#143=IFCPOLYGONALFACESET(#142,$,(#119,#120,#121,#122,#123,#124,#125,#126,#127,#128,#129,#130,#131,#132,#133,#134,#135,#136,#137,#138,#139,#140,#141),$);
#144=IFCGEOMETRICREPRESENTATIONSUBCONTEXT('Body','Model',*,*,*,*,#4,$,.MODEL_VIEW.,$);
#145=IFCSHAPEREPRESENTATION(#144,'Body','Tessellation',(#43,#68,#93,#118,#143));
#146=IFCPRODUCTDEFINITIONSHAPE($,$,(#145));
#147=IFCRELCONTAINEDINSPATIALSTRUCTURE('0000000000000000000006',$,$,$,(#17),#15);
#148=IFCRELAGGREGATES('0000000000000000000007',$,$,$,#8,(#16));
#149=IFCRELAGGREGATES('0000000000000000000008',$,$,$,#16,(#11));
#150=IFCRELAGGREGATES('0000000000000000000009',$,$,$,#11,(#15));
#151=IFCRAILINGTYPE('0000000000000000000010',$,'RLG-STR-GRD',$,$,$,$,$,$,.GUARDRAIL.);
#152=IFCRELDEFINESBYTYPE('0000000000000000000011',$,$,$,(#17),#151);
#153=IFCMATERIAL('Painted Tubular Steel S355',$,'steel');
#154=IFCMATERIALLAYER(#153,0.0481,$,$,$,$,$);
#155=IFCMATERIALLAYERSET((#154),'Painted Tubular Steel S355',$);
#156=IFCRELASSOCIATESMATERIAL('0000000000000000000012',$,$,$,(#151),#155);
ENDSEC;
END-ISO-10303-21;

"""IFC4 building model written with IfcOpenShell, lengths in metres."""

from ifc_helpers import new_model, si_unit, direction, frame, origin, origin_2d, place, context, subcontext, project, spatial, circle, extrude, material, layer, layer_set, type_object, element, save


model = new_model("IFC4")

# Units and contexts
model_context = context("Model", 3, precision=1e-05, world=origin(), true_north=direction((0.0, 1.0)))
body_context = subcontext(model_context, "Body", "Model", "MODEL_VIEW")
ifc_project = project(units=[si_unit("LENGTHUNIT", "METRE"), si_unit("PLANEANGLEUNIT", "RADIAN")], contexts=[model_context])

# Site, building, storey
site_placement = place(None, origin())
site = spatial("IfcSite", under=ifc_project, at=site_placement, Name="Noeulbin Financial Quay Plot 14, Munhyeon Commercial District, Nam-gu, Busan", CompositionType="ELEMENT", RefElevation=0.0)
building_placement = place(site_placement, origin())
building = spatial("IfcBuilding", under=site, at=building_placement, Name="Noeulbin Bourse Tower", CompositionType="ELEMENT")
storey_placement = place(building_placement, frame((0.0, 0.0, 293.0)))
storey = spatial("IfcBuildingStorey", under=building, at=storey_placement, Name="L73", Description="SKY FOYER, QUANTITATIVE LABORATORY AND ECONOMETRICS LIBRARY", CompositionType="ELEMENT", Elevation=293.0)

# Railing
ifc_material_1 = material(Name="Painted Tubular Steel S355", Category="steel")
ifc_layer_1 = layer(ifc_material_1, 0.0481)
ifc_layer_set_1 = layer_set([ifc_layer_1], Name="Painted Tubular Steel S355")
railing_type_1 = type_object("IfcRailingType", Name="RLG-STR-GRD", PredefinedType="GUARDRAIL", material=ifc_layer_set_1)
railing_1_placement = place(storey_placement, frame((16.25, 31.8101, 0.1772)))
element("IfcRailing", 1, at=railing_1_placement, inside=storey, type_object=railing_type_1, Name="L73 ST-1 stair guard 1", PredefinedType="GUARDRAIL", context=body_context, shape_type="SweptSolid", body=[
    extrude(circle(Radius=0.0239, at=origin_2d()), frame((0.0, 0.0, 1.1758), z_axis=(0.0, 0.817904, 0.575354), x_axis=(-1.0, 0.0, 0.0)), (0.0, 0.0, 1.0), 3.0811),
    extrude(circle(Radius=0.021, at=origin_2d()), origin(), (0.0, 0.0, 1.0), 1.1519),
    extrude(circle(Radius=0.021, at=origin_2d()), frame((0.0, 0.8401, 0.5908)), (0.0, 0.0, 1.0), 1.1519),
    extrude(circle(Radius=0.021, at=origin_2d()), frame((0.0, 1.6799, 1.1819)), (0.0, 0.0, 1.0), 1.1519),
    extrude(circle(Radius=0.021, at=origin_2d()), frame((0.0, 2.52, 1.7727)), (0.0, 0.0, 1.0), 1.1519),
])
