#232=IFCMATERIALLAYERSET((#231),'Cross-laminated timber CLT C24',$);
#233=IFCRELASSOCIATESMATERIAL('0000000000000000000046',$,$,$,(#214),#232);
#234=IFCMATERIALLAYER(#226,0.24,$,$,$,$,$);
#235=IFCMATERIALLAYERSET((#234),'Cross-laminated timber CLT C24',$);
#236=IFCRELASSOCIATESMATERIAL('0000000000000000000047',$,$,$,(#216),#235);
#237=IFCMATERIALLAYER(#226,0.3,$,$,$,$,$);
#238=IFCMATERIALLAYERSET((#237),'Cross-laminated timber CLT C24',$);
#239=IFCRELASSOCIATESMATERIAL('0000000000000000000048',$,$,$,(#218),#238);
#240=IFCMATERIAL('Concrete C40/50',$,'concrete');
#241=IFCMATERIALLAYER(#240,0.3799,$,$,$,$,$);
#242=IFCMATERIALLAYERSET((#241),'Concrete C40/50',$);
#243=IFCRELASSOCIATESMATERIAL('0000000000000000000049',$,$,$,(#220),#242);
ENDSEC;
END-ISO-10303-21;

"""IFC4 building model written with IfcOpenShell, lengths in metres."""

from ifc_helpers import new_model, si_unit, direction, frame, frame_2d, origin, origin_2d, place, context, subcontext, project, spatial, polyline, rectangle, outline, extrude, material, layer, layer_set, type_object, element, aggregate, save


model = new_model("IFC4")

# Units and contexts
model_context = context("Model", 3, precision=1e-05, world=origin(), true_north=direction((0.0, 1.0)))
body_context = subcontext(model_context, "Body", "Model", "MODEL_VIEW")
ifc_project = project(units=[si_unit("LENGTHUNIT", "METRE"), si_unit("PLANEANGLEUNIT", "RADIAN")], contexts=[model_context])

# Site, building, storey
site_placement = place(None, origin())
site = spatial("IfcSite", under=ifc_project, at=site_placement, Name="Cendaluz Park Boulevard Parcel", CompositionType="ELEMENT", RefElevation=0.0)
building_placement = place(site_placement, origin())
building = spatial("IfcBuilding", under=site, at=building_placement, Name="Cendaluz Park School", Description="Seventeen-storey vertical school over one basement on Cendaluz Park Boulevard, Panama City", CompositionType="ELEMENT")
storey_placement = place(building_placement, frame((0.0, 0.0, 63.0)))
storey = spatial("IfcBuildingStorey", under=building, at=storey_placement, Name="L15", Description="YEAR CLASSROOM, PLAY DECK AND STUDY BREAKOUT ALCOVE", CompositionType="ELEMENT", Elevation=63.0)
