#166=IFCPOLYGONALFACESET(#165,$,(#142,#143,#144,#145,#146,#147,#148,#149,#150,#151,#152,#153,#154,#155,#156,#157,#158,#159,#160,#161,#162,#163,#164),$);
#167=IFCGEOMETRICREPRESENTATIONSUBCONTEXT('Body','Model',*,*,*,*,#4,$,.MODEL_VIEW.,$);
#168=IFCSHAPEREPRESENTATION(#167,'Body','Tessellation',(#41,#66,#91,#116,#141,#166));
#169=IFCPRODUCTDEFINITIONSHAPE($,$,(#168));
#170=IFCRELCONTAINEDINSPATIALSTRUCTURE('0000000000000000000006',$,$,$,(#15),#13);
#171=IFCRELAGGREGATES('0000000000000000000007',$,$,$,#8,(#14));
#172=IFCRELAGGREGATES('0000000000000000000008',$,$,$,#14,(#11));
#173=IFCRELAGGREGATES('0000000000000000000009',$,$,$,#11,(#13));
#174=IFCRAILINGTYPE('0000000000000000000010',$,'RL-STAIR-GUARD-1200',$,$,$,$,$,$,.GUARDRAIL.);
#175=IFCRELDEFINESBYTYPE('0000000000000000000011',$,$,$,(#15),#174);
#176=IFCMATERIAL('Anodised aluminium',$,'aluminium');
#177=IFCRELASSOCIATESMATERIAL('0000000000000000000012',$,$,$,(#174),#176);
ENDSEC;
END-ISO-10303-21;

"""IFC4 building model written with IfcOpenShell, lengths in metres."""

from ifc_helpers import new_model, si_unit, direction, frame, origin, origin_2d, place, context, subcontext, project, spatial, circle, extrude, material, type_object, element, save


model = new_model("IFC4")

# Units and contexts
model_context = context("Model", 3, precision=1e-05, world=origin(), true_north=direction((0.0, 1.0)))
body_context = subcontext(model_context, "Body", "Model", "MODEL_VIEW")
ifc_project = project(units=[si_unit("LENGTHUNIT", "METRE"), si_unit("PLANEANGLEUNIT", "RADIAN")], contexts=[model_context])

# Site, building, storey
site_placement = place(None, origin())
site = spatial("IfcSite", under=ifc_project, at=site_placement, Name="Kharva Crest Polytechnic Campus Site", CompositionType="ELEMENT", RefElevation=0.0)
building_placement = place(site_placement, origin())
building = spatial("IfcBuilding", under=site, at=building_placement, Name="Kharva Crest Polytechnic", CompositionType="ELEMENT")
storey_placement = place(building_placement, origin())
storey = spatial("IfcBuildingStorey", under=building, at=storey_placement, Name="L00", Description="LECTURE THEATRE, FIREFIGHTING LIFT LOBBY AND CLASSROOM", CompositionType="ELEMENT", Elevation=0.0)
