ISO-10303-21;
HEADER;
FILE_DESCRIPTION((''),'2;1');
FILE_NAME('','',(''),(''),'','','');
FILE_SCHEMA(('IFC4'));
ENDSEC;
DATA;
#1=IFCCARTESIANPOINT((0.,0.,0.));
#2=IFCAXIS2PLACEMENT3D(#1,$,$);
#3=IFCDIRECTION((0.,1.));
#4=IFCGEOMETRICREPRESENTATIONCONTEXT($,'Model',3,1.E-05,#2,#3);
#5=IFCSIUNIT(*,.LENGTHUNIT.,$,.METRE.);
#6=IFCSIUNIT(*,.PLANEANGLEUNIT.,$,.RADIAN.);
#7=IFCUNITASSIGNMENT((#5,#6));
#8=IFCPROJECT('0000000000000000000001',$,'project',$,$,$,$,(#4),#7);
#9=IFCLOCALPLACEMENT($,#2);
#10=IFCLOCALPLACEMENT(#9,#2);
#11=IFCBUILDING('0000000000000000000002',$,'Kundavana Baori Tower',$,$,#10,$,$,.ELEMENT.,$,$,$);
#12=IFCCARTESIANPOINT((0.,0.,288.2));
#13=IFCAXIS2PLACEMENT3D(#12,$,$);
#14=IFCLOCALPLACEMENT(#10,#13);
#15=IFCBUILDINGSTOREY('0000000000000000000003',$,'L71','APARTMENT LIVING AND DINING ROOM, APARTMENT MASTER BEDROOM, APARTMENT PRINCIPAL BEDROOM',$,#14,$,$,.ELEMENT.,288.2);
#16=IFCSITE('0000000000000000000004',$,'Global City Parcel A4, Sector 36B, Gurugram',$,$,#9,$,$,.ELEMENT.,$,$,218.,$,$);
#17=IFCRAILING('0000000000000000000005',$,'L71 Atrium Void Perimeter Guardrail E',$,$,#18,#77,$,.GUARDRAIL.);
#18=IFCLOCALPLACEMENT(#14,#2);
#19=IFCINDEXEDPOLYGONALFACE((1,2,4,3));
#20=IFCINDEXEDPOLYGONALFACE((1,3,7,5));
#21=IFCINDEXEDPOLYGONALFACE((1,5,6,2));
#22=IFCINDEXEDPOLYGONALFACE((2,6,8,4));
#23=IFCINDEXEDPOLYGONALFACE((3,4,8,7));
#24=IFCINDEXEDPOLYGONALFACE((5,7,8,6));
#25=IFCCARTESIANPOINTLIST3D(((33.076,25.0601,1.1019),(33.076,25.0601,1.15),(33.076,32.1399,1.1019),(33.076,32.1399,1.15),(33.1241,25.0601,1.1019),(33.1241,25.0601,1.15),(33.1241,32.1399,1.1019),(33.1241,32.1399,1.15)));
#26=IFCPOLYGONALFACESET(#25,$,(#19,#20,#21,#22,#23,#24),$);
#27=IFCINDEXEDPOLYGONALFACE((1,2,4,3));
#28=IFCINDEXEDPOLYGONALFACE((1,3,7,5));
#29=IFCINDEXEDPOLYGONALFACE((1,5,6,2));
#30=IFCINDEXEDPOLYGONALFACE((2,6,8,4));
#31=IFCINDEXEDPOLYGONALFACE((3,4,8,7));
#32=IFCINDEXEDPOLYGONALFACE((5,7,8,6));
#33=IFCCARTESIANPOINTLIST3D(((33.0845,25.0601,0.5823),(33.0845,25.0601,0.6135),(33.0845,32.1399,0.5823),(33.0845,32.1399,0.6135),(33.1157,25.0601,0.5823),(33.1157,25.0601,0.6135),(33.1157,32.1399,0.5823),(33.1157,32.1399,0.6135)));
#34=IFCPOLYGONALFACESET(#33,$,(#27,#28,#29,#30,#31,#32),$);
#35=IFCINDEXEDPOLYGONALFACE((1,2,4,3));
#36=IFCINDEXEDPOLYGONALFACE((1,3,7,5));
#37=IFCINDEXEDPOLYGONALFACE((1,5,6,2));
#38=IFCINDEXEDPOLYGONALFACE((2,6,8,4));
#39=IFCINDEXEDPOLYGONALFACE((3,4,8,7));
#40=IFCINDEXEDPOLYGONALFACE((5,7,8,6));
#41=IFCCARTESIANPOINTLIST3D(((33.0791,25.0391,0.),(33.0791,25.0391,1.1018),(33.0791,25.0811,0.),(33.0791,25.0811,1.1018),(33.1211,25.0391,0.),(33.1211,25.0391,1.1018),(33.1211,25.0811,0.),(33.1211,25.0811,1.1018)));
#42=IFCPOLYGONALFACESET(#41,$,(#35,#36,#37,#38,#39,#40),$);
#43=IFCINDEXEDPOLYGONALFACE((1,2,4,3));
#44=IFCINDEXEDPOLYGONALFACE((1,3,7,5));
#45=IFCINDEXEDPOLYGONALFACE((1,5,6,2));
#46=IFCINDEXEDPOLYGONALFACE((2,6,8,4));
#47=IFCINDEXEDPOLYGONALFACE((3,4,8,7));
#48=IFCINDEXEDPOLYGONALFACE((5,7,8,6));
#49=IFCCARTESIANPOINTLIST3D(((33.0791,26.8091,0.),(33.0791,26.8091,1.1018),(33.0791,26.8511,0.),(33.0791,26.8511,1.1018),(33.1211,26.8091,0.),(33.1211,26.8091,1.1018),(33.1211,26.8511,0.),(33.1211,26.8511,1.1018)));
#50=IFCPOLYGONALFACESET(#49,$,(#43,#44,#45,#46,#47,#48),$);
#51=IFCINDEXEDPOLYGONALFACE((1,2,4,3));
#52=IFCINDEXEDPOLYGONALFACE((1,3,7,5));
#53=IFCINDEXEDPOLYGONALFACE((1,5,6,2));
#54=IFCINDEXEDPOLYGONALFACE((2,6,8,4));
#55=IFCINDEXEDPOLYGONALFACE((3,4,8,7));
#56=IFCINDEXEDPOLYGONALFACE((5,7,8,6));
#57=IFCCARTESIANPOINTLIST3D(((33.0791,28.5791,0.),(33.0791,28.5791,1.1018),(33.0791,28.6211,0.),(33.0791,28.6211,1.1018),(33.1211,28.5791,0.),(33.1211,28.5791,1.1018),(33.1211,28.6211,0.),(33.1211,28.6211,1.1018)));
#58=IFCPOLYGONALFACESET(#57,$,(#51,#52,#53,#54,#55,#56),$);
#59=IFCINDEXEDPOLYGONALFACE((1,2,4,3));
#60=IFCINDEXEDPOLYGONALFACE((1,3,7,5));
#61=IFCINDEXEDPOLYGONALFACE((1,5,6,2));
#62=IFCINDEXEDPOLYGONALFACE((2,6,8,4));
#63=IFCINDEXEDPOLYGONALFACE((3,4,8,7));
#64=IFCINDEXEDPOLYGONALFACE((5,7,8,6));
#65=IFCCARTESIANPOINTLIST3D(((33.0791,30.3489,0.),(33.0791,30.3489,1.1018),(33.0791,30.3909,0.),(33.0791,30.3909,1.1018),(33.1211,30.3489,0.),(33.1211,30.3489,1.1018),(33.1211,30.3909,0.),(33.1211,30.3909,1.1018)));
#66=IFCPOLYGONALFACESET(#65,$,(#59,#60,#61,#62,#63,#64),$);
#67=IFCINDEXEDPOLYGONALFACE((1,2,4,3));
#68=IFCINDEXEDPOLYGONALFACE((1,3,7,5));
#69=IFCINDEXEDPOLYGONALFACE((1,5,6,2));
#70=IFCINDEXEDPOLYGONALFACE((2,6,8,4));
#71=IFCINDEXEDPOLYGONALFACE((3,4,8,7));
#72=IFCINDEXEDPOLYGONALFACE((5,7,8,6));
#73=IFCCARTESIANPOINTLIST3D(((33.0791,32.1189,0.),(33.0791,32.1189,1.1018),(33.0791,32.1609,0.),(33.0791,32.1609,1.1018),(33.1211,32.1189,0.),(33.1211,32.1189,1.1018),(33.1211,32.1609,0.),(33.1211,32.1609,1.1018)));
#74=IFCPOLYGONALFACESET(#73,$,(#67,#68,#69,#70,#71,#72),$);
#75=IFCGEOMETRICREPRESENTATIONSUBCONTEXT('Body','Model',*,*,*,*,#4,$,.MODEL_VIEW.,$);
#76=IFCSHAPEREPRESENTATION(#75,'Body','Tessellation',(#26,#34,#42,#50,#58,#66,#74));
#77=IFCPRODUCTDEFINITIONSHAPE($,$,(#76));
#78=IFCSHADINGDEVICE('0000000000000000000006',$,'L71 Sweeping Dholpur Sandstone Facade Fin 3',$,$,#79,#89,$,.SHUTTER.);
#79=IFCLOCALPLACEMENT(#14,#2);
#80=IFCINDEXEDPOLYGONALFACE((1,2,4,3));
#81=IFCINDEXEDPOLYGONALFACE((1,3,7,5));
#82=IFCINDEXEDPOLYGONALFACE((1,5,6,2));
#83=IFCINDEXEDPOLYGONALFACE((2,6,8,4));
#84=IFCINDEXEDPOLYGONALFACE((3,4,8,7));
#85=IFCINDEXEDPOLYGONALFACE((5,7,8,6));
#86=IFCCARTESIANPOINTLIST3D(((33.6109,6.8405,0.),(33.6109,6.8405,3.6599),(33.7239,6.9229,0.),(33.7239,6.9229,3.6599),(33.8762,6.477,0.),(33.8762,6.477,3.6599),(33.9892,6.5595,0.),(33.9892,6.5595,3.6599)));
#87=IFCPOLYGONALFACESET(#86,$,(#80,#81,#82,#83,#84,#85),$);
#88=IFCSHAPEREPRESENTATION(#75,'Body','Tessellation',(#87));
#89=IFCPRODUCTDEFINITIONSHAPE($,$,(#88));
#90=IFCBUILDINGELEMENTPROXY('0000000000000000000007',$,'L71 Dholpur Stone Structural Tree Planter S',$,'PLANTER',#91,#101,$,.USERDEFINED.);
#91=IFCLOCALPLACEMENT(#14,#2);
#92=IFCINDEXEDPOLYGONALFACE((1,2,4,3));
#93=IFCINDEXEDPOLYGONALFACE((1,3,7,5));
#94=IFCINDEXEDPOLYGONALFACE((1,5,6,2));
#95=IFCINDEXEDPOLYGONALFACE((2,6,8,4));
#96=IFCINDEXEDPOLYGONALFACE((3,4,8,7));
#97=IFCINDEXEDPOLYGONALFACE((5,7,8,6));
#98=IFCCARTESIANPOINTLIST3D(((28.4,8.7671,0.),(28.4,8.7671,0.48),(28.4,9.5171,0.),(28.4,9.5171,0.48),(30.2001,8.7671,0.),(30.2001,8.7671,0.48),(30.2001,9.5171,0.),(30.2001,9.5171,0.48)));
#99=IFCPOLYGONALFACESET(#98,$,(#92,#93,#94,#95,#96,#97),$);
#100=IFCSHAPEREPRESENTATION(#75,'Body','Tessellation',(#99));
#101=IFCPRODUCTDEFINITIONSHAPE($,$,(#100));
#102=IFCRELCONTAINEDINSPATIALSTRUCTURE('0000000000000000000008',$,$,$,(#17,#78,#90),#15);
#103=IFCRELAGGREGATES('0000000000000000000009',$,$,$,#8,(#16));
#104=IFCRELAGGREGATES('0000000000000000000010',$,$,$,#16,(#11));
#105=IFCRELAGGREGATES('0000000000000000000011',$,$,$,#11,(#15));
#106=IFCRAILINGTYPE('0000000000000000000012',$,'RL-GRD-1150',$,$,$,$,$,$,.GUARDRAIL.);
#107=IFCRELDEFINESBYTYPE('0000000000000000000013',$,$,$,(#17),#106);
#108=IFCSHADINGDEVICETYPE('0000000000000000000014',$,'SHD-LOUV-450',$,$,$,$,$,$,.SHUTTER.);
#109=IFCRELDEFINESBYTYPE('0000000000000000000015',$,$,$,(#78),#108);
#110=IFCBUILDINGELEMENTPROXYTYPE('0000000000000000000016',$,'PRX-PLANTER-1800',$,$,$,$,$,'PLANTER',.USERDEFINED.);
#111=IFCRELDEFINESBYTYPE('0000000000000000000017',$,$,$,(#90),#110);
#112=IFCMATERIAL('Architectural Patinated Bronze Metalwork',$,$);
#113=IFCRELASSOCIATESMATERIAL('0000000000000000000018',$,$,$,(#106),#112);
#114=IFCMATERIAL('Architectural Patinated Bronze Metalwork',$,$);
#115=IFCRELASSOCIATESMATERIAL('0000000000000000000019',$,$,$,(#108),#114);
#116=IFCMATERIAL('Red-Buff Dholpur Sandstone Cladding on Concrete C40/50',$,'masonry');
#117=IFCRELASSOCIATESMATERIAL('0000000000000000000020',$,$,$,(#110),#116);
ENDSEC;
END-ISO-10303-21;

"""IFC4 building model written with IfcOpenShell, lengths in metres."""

from ifc_helpers import new_model, si_unit, direction, frame, origin, origin_2d, place, context, subcontext, project, spatial, rectangle, extrude, material, type_object, element, save


model = new_model("IFC4")

# Units and contexts
model_context = context("Model", 3, precision=1e-05, world=origin(), true_north=direction((0.0, 1.0)))
body_context = subcontext(model_context, "Body", "Model", "MODEL_VIEW")
ifc_project = project(units=[si_unit("LENGTHUNIT", "METRE"), si_unit("PLANEANGLEUNIT", "RADIAN")], contexts=[model_context])

# Site, building, storey
site_placement = place(None, origin())
site = spatial("IfcSite", under=ifc_project, at=site_placement, Name="Global City Parcel A4, Sector 36B, Gurugram", CompositionType="ELEMENT", RefElevation=218.0)
building_placement = place(site_placement, origin())
building = spatial("IfcBuilding", under=site, at=building_placement, Name="Kundavana Baori Tower", CompositionType="ELEMENT")
storey_placement = place(building_placement, frame((0.0, 0.0, 288.2)))
storey = spatial("IfcBuildingStorey", under=building, at=storey_placement, Name="L71", Description="APARTMENT LIVING AND DINING ROOM, APARTMENT MASTER BEDROOM, APARTMENT PRINCIPAL BEDROOM", CompositionType="ELEMENT", Elevation=288.2)

# Railing
ifc_material_1 = material(Name="Architectural Patinated Bronze Metalwork")
railing_type = type_object("IfcRailingType", Name="RL-GRD-1150", PredefinedType="GUARDRAIL", material=ifc_material_1)
railing_1_placement = place(storey_placement, frame((33.1001, 25.0601, 0.0)))
element("IfcRailing", 1, at=railing_1_placement, inside=storey, type_object=railing_type, Name="L71 Atrium Void Perimeter Guardrail E", PredefinedType="GUARDRAIL", context=body_context, shape_type="SweptSolid", body=[
    extrude(rectangle(XDim=0.0481, YDim=0.0481, at=origin_2d()), frame((0.0, 0.0, 1.126), z_axis=(0.0, 1.0, 0.0), x_axis=(-1.0, 0.0, 0.0)), (0.0, 0.0, 1.0), 7.0798),
    extrude(rectangle(XDim=0.0312, YDim=0.0312, at=origin_2d()), frame((0.0, 0.0, 0.5979), z_axis=(0.0, 1.0, 0.0), x_axis=(-1.0, 0.0, 0.0)), (0.0, 0.0, 1.0), 7.0798),
    extrude(rectangle(XDim=0.042, YDim=0.042, at=origin_2d()), origin(), (0.0, 0.0, 1.0), 1.1018),
    extrude(rectangle(XDim=0.042, YDim=0.042, at=origin_2d()), frame((0.0, 1.77, 0.0)), (0.0, 0.0, 1.0), 1.1018),
    extrude(rectangle(XDim=0.042, YDim=0.042, at=origin_2d()), frame((0.0, 3.54, 0.0)), (0.0, 0.0, 1.0), 1.1018),
    extrude(rectangle(XDim=0.042, YDim=0.042, at=origin_2d()), frame((0.0, 5.3098, 0.0)), (0.0, 0.0, 1.0), 1.1018),
    extrude(rectangle(XDim=0.042, YDim=0.042, at=origin_2d()), frame((0.0, 7.0798, 0.0)), (0.0, 0.0, 1.0), 1.1018),
])

# Shading device
ifc_material_2 = material(Name="Architectural Patinated Bronze Metalwork")
shading_device_type = type_object("IfcShadingDeviceType", Name="SHD-LOUV-450", PredefinedType="SHUTTER", material=ifc_material_2)
shading_device_placement = place(storey_placement, frame((33.8, 6.7, 0.0), z_axis=(0.0, 0.0, 1.0), x_axis=(0.807784, 0.589478, 0.0)))
element("IfcShadingDevice", 2, at=shading_device_placement, inside=storey, type_object=shading_device_type, Name="L71 Sweeping Dholpur Sandstone Facade Fin 3", PredefinedType="SHUTTER", context=body_context, shape_type="SweptSolid", body=[
    extrude(rectangle(XDim=0.1399, YDim=0.45, at=origin_2d()), origin(), (0.0, 0.0, 1.0), 3.6599),
])

# Building element proxy
ifc_material_3 = material(Name="Red-Buff Dholpur Sandstone Cladding on Concrete C40/50", Category="masonry")
building_element_proxy_type = type_object("IfcBuildingElementProxyType", Name="PRX-PLANTER-1800", ElementType="PLANTER", PredefinedType="USERDEFINED", material=ifc_material_3)
proxy_placement = place(storey_placement, frame((29.3, 9.1421, 0.0), z_axis=(0.0, 0.0, 1.0), x_axis=(1.0, 0.0, 0.0)))
element("IfcBuildingElementProxy", 3, at=proxy_placement, inside=storey, type_object=building_element_proxy_type, Name="L71 Dholpur Stone Structural Tree Planter S", ObjectType="PLANTER", PredefinedType="USERDEFINED", context=body_context, shape_type="SweptSolid", body=[
    extrude(rectangle(XDim=1.8, YDim=0.75, at=origin_2d()), origin(), (0.0, 0.0, 1.0), 0.48),
])

save(model, "model.ifc")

→ Aim of the exercise: Report, from the entries above, each line where "IFCGEOMETRICREPRESENTATIONSUBCONTEXT" is found.

→ Written solution:
#144=IFCGEOMETRICREPRESENTATIONSUBCONTEXT('Body','Model',*,*,*,*,#4,$,.MODEL_VIEW.,$);
#167=IFCGEOMETRICREPRESENTATIONSUBCONTEXT('Body','Model',*,*,*,*,#4,$,.MODEL_VIEW.,$);
#75=IFCGEOMETRICREPRESENTATIONSUBCONTEXT('Body','Model',*,*,*,*,#4,$,.MODEL_VIEW.,$);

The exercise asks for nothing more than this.